> How to complete this task:
Reproduce word for word, from the entries below, the line with "building model written", the line with "# Units and contexts", and every line between them, and nothing more.

*****

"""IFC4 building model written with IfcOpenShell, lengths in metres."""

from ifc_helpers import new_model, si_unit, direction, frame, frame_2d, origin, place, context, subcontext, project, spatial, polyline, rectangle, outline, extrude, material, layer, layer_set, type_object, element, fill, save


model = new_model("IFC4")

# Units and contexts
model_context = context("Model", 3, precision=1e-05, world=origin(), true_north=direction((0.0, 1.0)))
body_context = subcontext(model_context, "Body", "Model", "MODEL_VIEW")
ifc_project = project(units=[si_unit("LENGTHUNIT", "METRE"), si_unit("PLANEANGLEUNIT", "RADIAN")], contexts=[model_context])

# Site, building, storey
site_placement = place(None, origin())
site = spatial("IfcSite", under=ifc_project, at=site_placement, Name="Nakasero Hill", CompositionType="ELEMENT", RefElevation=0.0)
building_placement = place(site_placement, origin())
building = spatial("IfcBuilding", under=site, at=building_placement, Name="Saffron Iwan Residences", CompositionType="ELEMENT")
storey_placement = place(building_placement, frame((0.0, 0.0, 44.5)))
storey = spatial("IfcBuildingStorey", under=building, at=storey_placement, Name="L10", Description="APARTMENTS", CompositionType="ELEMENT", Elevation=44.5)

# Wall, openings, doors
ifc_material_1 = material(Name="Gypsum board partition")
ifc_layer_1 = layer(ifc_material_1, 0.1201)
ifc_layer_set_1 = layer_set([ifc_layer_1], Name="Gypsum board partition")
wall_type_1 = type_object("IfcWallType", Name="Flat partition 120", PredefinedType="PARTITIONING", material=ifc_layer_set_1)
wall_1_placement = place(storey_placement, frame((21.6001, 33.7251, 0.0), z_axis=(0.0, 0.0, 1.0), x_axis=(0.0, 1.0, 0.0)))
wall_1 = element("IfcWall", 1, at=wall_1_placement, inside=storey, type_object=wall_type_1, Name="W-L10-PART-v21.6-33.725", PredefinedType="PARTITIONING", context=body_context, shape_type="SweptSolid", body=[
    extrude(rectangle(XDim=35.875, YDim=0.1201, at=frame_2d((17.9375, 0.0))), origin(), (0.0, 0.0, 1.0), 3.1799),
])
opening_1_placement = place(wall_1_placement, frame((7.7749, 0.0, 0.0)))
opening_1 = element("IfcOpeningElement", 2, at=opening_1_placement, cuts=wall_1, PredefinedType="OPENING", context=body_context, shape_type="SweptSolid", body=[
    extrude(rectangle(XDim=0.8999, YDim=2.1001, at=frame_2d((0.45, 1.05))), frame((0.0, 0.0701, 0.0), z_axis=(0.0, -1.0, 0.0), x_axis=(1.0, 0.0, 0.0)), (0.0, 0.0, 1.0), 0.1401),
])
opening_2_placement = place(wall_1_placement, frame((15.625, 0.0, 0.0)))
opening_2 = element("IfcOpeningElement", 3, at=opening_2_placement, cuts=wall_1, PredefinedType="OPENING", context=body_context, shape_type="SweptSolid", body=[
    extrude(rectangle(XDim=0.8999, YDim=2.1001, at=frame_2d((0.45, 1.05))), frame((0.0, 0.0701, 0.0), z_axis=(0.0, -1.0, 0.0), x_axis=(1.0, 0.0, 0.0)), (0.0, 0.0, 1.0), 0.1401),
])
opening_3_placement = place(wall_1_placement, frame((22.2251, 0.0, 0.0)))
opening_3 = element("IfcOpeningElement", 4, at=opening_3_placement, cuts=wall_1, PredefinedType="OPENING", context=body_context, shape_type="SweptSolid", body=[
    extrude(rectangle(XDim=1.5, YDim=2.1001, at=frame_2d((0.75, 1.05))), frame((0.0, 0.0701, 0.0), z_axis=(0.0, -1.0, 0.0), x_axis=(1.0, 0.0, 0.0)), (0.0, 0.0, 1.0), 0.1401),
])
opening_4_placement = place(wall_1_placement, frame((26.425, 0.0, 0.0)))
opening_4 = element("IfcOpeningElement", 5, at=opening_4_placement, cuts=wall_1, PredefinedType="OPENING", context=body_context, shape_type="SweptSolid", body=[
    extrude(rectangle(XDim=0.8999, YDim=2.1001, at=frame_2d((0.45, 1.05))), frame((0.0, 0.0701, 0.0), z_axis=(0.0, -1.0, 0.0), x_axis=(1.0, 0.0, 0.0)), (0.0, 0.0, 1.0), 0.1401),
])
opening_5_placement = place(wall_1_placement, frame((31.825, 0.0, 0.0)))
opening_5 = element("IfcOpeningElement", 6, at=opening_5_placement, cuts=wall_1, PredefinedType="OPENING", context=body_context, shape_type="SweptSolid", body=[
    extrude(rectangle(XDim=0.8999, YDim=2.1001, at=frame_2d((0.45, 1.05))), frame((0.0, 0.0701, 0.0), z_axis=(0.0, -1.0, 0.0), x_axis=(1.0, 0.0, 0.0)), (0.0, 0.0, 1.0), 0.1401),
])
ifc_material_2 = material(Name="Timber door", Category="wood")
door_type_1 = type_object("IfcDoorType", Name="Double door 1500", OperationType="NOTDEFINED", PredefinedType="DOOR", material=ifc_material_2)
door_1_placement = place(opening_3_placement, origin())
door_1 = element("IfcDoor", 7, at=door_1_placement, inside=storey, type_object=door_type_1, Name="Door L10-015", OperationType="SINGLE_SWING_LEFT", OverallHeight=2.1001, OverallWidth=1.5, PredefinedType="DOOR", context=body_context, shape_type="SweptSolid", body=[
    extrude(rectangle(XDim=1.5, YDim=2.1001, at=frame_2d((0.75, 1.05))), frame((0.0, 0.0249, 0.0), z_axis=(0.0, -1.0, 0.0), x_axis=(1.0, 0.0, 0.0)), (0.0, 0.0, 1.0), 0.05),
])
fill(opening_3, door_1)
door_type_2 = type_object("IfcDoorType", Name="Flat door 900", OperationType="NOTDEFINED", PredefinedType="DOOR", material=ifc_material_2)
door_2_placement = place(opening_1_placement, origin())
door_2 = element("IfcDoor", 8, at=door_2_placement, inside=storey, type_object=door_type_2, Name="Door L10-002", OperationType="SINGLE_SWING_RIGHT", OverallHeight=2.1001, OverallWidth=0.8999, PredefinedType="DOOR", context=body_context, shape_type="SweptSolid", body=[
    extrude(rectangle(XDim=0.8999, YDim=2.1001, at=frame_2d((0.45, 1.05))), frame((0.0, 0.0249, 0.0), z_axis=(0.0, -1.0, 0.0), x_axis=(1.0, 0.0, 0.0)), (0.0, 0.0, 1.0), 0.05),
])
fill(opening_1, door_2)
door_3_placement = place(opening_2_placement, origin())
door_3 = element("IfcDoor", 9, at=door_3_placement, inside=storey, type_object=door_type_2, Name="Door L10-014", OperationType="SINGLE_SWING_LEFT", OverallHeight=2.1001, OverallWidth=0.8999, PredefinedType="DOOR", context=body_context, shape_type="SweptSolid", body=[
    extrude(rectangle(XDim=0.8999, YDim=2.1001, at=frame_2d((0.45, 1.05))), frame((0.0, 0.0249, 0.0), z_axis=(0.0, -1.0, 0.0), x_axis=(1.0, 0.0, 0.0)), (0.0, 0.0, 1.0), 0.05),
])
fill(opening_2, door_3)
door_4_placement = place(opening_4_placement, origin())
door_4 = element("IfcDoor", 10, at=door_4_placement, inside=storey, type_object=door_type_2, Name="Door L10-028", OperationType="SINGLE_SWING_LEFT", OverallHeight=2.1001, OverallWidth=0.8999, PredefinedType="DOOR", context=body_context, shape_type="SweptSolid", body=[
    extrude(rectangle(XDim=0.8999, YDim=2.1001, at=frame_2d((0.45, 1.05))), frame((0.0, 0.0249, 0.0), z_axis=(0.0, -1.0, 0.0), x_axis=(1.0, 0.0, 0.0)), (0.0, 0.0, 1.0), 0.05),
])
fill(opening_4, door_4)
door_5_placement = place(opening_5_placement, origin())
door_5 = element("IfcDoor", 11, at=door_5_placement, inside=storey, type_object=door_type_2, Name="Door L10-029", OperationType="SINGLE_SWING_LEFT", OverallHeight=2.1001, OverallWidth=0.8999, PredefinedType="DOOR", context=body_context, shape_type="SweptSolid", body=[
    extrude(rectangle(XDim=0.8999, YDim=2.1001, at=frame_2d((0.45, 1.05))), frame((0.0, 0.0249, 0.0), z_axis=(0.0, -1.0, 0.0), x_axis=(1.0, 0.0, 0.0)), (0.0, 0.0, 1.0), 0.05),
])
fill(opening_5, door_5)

*****

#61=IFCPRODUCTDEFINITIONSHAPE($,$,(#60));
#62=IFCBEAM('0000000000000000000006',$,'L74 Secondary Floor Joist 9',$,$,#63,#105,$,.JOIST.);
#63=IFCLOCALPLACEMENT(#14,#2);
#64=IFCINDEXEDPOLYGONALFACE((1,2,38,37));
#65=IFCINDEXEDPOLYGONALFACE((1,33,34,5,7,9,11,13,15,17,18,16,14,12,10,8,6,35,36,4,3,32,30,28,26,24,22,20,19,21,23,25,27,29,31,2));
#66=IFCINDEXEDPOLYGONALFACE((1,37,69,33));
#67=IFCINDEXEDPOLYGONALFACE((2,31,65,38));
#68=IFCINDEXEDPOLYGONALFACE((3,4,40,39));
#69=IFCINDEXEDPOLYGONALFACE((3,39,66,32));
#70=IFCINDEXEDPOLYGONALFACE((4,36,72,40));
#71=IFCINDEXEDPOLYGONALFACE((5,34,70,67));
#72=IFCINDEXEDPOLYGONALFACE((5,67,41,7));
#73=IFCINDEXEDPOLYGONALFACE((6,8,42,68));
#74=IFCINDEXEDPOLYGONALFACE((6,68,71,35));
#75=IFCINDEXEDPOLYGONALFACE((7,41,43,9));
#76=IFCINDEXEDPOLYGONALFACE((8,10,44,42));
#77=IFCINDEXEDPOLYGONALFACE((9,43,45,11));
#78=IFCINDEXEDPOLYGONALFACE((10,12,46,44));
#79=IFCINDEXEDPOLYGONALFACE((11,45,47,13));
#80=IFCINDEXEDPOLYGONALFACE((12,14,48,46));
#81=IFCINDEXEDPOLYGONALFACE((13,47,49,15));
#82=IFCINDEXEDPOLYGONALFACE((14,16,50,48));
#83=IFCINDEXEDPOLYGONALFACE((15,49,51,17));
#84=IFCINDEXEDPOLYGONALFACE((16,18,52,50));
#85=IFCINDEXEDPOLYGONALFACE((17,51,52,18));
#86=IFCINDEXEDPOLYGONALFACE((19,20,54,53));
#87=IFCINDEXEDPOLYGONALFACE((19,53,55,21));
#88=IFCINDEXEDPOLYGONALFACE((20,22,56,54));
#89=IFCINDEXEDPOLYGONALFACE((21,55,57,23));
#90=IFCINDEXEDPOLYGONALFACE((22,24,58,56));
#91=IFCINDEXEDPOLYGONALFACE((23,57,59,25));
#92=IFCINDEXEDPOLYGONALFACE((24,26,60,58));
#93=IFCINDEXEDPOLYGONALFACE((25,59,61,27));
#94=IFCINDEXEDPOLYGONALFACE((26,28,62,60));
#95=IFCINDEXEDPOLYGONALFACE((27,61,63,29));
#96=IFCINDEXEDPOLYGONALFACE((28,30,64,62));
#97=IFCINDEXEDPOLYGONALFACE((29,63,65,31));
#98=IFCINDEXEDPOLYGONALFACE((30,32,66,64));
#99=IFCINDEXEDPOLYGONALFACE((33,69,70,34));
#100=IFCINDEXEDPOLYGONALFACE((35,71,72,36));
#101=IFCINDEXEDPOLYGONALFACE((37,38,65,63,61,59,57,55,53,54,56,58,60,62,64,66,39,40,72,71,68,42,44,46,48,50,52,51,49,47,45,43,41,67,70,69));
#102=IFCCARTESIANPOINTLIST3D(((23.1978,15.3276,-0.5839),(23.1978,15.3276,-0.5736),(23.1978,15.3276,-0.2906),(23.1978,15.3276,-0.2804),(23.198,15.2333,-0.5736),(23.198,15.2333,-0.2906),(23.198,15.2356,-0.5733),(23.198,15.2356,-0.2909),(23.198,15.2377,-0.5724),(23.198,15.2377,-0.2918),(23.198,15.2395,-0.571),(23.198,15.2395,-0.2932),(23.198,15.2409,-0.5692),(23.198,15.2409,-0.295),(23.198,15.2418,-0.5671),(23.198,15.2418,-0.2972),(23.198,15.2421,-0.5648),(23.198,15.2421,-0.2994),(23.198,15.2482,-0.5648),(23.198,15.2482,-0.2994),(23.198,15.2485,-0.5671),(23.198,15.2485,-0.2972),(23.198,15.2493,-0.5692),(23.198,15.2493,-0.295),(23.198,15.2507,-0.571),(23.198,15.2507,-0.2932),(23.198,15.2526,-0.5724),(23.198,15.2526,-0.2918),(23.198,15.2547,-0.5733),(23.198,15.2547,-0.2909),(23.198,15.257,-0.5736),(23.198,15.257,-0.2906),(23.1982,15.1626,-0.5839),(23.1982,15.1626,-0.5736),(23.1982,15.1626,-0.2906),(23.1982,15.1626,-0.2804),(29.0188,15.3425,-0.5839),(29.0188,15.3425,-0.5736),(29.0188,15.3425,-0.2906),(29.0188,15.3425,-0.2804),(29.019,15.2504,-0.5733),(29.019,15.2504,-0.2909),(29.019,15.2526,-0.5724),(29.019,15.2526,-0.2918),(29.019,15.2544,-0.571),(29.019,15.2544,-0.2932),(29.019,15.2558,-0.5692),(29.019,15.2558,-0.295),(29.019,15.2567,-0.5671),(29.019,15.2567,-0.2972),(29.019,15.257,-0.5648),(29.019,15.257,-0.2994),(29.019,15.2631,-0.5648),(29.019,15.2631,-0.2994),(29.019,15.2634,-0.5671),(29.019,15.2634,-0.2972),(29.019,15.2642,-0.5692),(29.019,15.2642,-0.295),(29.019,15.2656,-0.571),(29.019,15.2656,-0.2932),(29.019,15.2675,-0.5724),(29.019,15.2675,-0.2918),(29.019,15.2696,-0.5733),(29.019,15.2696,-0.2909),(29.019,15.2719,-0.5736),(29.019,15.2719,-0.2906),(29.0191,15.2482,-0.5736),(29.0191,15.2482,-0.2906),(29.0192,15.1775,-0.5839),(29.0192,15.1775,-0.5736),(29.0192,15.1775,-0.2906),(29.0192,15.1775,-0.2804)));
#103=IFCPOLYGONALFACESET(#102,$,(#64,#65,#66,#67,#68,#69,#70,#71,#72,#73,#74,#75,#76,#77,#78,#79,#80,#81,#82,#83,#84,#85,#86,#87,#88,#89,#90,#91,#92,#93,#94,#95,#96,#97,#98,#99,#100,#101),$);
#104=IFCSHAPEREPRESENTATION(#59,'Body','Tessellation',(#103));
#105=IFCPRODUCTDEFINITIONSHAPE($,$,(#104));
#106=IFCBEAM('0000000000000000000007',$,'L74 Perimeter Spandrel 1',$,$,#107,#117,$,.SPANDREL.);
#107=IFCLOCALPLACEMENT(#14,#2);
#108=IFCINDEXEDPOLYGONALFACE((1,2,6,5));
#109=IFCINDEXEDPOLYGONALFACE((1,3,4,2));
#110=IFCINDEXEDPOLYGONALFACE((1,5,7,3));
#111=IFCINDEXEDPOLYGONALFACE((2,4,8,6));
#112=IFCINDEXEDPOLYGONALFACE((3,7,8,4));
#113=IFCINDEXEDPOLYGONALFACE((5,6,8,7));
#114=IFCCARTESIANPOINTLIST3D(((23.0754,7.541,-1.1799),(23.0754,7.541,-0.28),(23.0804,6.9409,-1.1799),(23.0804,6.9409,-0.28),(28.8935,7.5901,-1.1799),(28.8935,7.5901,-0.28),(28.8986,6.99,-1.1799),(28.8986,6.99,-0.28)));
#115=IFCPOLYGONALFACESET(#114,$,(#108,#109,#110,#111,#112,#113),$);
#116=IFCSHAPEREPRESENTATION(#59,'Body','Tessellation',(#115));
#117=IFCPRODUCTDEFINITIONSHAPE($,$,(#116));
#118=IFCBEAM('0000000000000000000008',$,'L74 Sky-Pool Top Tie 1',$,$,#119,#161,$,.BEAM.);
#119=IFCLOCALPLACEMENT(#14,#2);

*****

> Output of the task:
"""IFC4 building model written with IfcOpenShell, lengths in metres."""

from ifc_helpers import new_model, si_unit, direction, frame, frame_2d, origin, place, context, subcontext, project, spatial, polyline, rectangle, outline, extrude, material, layer, layer_set, type_object, element, fill, save


model = new_model("IFC4")

# Units and contexts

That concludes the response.